◆ **Work required**:
Where the string "IfcSite" occurs in a line of the entries below, copy that line.

(Saved entries)
____

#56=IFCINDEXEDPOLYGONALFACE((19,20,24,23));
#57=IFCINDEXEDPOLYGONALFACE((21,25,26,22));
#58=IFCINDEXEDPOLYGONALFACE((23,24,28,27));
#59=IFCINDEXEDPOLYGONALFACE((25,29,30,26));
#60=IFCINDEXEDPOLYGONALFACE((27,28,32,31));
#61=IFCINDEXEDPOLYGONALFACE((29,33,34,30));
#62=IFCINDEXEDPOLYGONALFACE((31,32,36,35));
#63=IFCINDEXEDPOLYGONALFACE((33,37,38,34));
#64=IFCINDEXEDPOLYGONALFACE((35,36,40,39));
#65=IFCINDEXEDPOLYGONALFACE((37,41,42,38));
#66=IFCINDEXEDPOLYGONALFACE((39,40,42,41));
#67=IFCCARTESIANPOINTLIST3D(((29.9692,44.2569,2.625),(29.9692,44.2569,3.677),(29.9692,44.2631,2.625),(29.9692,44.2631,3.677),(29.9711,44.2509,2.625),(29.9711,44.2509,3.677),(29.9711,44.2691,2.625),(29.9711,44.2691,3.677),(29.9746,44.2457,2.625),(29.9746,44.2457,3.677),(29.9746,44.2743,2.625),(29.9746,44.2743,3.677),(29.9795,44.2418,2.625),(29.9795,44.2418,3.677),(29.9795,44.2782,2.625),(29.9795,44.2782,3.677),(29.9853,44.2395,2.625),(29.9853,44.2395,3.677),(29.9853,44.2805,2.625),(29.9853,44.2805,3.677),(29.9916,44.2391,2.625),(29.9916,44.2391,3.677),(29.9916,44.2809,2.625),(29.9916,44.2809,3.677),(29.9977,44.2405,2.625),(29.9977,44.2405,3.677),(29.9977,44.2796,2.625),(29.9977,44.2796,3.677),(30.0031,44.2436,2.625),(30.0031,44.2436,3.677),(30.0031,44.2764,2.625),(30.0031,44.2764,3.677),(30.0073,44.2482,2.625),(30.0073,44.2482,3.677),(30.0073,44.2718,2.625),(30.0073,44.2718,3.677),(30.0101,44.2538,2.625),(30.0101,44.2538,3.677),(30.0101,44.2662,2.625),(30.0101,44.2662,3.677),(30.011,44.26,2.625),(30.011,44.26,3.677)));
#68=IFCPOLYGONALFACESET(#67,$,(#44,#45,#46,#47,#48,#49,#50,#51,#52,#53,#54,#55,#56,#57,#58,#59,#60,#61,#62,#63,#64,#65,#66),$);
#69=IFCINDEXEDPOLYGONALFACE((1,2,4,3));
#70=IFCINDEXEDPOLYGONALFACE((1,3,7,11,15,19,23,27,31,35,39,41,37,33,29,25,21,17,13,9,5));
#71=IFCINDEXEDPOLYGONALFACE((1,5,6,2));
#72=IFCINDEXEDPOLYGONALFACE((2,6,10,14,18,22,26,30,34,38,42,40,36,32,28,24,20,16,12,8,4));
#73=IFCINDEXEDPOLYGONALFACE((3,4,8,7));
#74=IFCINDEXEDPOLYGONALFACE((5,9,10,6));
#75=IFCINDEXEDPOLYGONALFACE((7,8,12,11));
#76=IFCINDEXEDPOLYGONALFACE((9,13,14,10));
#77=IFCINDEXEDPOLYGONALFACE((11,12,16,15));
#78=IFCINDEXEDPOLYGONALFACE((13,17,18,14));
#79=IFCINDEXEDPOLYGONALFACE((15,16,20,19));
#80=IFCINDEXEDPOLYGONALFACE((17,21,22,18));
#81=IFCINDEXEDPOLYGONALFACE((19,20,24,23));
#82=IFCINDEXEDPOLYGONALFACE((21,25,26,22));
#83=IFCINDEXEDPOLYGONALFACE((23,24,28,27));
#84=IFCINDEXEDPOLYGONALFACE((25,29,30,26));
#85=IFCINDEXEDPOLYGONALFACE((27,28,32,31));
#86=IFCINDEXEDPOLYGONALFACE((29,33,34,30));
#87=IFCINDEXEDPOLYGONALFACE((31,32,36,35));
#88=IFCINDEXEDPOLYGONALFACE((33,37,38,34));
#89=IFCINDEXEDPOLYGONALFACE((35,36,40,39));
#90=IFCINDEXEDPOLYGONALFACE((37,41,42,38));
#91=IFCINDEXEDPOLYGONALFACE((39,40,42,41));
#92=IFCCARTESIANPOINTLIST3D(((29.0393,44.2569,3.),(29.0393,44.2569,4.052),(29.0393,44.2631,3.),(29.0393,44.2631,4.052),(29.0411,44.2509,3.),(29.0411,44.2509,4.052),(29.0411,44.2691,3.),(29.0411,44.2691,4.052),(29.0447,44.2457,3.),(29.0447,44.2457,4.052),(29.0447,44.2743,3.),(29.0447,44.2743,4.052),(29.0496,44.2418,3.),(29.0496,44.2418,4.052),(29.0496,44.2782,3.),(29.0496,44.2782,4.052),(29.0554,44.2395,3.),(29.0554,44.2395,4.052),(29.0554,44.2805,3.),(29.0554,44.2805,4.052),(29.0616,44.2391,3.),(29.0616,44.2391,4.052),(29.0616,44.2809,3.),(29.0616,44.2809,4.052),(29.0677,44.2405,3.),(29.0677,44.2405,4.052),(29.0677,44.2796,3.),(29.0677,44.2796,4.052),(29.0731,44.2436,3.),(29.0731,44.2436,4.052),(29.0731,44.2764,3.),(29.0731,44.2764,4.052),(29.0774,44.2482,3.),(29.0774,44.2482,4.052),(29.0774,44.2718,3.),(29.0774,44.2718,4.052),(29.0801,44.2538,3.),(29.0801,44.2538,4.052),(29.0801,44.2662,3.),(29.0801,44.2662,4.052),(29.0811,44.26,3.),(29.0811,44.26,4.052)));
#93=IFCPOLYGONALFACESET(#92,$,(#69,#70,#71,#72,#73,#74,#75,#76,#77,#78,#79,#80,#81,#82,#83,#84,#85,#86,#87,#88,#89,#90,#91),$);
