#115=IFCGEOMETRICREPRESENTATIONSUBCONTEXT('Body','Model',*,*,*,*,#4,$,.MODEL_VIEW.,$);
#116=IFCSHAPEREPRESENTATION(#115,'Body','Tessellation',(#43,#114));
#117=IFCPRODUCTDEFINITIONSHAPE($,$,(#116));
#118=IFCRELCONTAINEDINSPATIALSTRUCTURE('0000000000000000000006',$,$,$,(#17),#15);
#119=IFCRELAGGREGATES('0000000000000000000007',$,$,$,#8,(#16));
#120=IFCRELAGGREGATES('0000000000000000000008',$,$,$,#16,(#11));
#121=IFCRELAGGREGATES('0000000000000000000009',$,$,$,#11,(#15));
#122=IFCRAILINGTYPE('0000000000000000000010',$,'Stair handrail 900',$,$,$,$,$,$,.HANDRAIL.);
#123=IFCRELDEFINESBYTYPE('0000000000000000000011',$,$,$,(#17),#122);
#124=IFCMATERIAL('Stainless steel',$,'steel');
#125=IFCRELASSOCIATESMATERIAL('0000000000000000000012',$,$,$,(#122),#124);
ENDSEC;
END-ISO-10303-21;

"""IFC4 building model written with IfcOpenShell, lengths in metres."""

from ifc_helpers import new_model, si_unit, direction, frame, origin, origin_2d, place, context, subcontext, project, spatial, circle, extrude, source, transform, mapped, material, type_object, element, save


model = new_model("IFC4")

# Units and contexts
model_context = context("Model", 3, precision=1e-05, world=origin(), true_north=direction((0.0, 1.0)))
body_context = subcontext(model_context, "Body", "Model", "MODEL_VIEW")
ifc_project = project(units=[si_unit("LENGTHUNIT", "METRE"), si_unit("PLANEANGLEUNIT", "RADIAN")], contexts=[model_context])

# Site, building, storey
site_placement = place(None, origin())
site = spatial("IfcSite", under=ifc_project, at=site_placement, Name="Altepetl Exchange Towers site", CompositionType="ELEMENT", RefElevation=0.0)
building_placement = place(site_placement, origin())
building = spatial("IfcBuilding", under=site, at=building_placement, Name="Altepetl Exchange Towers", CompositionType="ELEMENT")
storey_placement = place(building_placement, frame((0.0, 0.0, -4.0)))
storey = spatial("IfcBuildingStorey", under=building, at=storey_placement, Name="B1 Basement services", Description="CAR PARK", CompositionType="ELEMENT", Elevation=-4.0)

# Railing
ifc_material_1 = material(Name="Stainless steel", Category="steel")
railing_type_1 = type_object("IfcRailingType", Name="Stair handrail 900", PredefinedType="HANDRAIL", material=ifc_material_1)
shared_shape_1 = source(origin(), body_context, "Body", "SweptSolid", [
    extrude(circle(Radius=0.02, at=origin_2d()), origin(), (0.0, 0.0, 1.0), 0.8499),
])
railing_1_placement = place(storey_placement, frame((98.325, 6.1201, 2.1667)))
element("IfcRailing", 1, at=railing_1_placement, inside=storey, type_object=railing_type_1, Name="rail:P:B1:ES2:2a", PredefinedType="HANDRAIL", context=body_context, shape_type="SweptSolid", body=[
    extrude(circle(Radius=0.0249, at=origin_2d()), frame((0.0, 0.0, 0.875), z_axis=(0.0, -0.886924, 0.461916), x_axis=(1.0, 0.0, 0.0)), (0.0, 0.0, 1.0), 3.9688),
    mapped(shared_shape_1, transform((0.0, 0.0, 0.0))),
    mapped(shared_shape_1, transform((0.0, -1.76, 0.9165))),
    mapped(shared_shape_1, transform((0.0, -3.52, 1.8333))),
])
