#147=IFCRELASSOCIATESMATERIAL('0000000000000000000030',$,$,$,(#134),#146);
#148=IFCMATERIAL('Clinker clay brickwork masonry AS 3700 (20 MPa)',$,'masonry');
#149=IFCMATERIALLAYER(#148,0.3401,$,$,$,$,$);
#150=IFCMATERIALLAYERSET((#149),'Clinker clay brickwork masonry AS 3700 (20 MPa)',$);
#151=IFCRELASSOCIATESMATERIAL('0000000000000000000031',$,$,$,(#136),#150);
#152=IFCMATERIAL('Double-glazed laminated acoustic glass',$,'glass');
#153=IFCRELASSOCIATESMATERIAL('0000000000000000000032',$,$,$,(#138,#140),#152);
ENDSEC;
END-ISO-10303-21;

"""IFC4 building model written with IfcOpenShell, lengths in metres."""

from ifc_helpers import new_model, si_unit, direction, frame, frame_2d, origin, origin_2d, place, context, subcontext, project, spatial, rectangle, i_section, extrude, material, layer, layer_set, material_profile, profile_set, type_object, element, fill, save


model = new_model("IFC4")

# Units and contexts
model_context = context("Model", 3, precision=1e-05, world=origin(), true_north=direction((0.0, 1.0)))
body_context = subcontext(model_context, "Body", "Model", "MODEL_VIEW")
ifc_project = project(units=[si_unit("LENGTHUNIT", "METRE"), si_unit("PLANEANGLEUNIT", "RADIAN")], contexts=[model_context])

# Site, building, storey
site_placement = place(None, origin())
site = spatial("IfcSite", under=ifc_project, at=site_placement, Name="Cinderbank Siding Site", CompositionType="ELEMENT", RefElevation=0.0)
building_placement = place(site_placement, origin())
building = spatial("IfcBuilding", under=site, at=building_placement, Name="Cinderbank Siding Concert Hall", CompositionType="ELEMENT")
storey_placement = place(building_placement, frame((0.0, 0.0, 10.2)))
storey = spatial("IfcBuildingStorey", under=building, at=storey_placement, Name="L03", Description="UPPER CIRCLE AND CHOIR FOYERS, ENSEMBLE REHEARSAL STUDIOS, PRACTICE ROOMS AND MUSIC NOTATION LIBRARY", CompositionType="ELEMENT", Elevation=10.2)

____

◆ **Response to this exercise**:
site = spatial("IfcSite", under=ifc_project, at=site_placement, Name="Altepetl Exchange Towers site", CompositionType="ELEMENT", RefElevation=0.0)
site = spatial("IfcSite", under=ifc_project, at=site_placement, Name="Cinderbank Siding Site", CompositionType="ELEMENT", RefElevation=0.0)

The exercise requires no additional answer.